=== Data extracts ===
--- START ---

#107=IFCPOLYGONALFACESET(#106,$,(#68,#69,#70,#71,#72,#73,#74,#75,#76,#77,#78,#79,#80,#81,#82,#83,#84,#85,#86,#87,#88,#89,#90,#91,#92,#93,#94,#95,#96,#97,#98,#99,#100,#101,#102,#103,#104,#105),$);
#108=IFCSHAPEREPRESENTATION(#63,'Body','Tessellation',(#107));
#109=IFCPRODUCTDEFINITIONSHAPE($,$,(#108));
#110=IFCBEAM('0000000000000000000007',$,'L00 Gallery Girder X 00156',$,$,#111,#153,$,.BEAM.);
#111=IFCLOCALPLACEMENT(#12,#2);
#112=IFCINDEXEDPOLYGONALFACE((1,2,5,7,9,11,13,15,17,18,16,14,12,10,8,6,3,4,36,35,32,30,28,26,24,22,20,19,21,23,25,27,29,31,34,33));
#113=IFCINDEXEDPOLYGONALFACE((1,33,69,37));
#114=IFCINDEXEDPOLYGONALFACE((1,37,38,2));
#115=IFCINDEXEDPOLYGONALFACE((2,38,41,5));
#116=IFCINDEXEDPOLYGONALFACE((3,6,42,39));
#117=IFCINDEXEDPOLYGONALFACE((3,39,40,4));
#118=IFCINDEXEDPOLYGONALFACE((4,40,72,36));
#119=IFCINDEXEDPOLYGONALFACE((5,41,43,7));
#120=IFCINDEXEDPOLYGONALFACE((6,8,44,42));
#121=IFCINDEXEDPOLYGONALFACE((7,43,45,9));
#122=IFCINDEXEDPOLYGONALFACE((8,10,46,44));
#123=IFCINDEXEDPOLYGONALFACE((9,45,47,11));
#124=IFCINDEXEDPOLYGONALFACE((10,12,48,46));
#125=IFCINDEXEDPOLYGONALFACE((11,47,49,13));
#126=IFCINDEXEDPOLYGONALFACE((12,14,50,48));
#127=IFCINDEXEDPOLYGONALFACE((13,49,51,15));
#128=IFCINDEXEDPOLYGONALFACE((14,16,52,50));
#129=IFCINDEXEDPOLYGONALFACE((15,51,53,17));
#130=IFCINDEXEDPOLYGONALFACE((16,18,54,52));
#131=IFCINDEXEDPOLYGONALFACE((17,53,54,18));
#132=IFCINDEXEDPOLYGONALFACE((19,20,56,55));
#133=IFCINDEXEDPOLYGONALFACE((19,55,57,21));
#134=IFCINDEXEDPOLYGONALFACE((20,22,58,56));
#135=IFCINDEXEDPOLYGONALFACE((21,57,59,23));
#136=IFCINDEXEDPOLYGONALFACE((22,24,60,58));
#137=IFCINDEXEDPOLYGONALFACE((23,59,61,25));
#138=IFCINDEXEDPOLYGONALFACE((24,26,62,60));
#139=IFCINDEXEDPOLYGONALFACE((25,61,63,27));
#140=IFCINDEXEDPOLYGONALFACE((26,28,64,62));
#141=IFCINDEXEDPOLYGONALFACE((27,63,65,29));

--- END ---
--- START ---

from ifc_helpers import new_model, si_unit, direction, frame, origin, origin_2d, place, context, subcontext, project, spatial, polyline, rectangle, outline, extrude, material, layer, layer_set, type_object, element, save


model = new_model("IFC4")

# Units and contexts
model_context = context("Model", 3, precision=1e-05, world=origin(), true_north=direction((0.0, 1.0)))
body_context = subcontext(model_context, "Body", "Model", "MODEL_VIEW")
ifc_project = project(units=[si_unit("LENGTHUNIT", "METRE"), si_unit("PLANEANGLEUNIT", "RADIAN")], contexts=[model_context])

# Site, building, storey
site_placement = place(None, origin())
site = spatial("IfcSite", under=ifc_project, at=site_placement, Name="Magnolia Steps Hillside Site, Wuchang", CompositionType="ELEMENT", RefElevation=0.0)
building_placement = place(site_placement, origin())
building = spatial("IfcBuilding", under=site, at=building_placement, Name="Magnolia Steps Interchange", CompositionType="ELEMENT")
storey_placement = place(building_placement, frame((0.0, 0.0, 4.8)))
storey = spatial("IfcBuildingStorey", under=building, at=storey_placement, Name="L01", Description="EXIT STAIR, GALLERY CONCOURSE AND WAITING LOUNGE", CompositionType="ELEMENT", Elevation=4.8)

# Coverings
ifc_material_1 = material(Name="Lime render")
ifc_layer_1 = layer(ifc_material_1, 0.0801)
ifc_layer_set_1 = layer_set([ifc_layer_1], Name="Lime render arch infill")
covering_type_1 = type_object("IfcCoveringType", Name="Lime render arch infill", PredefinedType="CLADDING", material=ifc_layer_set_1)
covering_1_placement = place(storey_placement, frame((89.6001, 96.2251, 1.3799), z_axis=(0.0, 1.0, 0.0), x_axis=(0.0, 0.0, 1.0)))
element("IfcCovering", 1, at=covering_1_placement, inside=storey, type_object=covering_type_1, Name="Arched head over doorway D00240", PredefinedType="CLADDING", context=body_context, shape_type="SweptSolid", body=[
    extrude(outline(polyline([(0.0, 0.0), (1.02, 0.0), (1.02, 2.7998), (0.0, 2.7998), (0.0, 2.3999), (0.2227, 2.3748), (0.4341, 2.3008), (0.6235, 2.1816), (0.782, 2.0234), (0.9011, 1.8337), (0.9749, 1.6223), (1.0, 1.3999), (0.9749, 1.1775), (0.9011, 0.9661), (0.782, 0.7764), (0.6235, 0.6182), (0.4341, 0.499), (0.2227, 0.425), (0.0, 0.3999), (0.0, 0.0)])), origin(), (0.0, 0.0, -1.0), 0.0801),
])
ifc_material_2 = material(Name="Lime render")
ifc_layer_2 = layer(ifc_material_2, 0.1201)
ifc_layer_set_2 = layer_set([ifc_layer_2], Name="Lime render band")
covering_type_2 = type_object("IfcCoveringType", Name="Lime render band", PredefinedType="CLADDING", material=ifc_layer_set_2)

--- END ---
--- START ---

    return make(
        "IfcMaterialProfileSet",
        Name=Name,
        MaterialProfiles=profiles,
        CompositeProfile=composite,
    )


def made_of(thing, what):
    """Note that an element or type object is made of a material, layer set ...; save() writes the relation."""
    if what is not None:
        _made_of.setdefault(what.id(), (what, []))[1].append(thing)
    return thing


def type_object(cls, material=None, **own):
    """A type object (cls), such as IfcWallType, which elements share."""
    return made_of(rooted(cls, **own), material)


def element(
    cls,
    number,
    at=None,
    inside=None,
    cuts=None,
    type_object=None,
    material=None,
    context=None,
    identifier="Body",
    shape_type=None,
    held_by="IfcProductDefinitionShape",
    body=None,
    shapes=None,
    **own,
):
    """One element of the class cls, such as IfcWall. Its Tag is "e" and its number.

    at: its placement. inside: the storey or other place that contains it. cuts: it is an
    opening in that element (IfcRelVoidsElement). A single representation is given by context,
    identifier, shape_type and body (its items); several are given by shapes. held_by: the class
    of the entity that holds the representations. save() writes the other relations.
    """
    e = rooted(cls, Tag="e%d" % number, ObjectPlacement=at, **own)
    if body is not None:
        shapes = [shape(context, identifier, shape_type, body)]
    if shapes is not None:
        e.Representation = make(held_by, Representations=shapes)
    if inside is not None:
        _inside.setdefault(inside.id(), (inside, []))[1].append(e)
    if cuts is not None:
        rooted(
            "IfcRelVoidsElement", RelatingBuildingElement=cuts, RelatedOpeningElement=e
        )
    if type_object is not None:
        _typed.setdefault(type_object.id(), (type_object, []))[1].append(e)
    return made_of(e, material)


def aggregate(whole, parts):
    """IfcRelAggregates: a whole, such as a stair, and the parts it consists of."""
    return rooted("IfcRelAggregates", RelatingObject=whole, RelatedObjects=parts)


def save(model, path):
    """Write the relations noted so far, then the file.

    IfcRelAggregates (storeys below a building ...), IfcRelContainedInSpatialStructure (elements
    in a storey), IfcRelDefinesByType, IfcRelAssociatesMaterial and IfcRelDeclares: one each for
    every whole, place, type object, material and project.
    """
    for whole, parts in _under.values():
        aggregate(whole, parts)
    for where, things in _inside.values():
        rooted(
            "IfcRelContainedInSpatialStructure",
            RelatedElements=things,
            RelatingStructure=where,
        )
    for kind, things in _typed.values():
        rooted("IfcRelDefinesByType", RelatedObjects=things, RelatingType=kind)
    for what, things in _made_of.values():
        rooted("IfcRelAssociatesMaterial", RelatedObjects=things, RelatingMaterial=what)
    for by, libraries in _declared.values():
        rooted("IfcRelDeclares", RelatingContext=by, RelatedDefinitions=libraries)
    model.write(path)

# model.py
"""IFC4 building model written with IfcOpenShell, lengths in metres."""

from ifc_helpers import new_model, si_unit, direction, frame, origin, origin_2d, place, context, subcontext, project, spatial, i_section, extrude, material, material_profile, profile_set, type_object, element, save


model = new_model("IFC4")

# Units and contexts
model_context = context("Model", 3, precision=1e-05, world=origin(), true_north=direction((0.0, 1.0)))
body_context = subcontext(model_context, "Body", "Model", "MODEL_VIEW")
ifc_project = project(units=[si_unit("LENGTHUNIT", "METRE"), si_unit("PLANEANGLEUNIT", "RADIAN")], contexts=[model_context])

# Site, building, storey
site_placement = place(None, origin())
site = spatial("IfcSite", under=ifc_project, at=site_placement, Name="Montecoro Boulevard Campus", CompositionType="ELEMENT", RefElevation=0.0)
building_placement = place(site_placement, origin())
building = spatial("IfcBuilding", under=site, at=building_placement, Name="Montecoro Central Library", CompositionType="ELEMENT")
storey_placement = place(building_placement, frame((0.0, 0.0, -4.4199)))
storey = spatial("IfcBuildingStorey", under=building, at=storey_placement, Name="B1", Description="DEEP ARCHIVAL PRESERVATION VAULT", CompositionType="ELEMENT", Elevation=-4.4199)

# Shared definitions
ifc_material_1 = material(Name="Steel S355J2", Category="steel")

--- END ---

Whenever the string "render" shows up on a line of the listing, copy that line.

ifc_material_1 = material(Name="Lime render")
ifc_layer_set_1 = layer_set([ifc_layer_1], Name="Lime render arch infill")
covering_type_1 = type_object("IfcCoveringType", Name="Lime render arch infill", PredefinedType="CLADDING", material=ifc_layer_set_1)
ifc_material_2 = material(Name="Lime render")
ifc_layer_set_2 = layer_set([ifc_layer_2], Name="Lime render band")
covering_type_2 = type_object("IfcCoveringType", Name="Lime render band", PredefinedType="CLADDING", material=ifc_layer_set_2)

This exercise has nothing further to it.